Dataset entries
▼

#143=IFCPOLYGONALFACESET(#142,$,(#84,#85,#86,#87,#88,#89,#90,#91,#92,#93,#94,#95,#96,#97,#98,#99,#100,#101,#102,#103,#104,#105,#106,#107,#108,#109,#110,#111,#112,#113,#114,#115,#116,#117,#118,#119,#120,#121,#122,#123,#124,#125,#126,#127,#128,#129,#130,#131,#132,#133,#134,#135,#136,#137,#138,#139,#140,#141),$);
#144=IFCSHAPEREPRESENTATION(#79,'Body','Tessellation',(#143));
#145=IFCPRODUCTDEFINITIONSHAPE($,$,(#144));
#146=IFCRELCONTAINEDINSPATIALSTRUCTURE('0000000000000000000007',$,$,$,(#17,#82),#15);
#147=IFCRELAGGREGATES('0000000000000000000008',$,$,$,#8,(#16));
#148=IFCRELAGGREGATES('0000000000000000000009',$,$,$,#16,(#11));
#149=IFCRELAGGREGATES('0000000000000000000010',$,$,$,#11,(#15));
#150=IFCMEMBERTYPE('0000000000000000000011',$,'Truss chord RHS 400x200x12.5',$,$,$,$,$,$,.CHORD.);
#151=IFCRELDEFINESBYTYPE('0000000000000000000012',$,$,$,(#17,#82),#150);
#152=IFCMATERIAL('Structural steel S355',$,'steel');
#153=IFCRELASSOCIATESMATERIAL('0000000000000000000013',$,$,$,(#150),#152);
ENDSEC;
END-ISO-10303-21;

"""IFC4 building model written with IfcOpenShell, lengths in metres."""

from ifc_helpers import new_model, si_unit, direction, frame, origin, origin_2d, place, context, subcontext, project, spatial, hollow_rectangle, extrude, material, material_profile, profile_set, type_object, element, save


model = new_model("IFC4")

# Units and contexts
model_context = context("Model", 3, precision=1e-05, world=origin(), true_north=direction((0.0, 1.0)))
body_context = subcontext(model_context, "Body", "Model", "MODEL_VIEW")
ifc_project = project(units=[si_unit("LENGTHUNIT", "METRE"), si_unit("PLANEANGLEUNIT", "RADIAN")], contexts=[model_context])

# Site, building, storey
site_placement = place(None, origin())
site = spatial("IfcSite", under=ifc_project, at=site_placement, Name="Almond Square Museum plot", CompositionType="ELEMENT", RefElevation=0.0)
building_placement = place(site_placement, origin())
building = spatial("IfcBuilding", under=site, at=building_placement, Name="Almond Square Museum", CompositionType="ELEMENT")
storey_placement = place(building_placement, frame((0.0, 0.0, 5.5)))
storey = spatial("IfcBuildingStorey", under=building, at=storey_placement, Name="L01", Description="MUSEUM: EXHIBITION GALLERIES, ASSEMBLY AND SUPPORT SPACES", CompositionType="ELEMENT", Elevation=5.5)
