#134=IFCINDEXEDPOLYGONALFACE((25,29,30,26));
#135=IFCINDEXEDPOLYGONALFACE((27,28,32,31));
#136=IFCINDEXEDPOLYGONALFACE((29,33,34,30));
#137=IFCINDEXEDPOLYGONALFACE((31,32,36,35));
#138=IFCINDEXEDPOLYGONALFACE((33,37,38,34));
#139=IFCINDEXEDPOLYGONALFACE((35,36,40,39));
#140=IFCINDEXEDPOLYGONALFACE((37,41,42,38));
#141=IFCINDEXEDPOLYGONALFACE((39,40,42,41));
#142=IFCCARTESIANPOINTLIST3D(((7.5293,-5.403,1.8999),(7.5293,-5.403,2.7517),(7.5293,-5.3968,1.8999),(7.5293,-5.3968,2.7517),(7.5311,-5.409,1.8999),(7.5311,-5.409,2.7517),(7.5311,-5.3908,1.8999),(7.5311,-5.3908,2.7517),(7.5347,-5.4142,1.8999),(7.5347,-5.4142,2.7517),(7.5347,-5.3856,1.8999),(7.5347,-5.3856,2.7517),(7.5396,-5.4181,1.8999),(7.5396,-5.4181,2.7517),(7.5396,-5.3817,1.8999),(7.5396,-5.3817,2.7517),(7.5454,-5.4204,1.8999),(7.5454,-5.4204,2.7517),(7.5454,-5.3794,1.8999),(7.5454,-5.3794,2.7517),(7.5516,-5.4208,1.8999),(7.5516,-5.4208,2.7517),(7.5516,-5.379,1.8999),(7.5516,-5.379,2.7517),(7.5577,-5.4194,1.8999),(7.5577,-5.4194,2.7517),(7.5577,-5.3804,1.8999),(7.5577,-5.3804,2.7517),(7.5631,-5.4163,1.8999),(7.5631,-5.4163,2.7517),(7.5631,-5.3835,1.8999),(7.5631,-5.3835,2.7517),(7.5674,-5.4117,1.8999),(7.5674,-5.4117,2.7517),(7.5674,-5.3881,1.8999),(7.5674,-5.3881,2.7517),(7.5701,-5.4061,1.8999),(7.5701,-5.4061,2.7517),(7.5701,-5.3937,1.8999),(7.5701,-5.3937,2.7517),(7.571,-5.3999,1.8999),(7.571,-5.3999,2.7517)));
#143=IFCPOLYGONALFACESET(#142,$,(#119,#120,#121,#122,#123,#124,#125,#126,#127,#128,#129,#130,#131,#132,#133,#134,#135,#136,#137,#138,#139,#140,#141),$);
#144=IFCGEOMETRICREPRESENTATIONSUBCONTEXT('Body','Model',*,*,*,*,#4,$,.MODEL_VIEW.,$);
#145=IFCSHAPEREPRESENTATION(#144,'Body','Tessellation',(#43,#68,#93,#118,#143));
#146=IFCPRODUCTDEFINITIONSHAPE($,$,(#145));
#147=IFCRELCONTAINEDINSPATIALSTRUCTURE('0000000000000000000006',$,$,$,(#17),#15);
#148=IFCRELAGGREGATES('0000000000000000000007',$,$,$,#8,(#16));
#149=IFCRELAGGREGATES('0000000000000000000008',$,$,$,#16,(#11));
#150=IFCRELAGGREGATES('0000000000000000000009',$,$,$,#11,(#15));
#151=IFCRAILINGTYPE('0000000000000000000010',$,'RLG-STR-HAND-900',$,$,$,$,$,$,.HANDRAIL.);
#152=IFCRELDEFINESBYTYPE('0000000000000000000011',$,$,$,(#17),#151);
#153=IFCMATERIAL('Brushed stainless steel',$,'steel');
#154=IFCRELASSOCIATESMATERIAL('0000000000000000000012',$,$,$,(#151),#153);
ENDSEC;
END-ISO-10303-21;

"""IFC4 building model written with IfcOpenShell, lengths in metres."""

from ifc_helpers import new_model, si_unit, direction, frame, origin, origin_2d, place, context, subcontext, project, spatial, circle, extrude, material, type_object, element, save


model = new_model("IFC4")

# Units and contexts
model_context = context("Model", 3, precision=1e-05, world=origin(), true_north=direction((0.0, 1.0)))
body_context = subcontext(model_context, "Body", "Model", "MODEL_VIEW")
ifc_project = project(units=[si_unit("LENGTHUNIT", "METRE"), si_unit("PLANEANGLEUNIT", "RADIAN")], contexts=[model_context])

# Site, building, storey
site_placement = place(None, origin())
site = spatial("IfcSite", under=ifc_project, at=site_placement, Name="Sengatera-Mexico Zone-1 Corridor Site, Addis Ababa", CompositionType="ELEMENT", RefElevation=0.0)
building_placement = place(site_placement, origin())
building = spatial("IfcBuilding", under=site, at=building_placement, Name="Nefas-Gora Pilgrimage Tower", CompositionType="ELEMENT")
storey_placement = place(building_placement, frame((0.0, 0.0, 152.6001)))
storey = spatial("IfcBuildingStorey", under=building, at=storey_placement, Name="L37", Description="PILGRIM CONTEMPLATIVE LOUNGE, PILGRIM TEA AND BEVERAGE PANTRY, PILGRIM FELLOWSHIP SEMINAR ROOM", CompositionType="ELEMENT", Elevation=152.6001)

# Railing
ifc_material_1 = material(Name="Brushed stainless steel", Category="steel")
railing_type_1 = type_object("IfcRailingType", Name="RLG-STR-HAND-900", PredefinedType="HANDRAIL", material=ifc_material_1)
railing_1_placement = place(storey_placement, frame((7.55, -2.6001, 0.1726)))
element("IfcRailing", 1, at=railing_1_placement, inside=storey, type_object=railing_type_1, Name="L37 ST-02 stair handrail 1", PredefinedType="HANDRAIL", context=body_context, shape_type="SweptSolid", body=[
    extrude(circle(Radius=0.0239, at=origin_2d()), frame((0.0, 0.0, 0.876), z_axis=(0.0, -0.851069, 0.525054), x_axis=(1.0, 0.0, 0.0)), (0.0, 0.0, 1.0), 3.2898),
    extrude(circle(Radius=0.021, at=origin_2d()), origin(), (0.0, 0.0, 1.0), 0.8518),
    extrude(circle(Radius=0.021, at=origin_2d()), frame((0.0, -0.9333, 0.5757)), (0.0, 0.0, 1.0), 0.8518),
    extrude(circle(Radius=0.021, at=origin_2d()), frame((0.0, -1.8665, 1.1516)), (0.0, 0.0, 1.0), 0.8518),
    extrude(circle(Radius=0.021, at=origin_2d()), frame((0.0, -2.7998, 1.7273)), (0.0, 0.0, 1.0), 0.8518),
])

▲

The lines of the data, from the first through the one containing "#145=IFCPRODUCTDEFINITIONSHAPE($,$,(#144));", are to be transcribed exactly.

#143=IFCPOLYGONALFACESET(#142,$,(#84,#85,#86,#87,#88,#89,#90,#91,#92,#93,#94,#95,#96,#97,#98,#99,#100,#101,#102,#103,#104,#105,#106,#107,#108,#109,#110,#111,#112,#113,#114,#115,#116,#117,#118,#119,#120,#121,#122,#123,#124,#125,#126,#127,#128,#129,#130,#131,#132,#133,#134,#135,#136,#137,#138,#139,#140,#141),$);
#144=IFCSHAPEREPRESENTATION(#79,'Body','Tessellation',(#143));
#145=IFCPRODUCTDEFINITIONSHAPE($,$,(#144));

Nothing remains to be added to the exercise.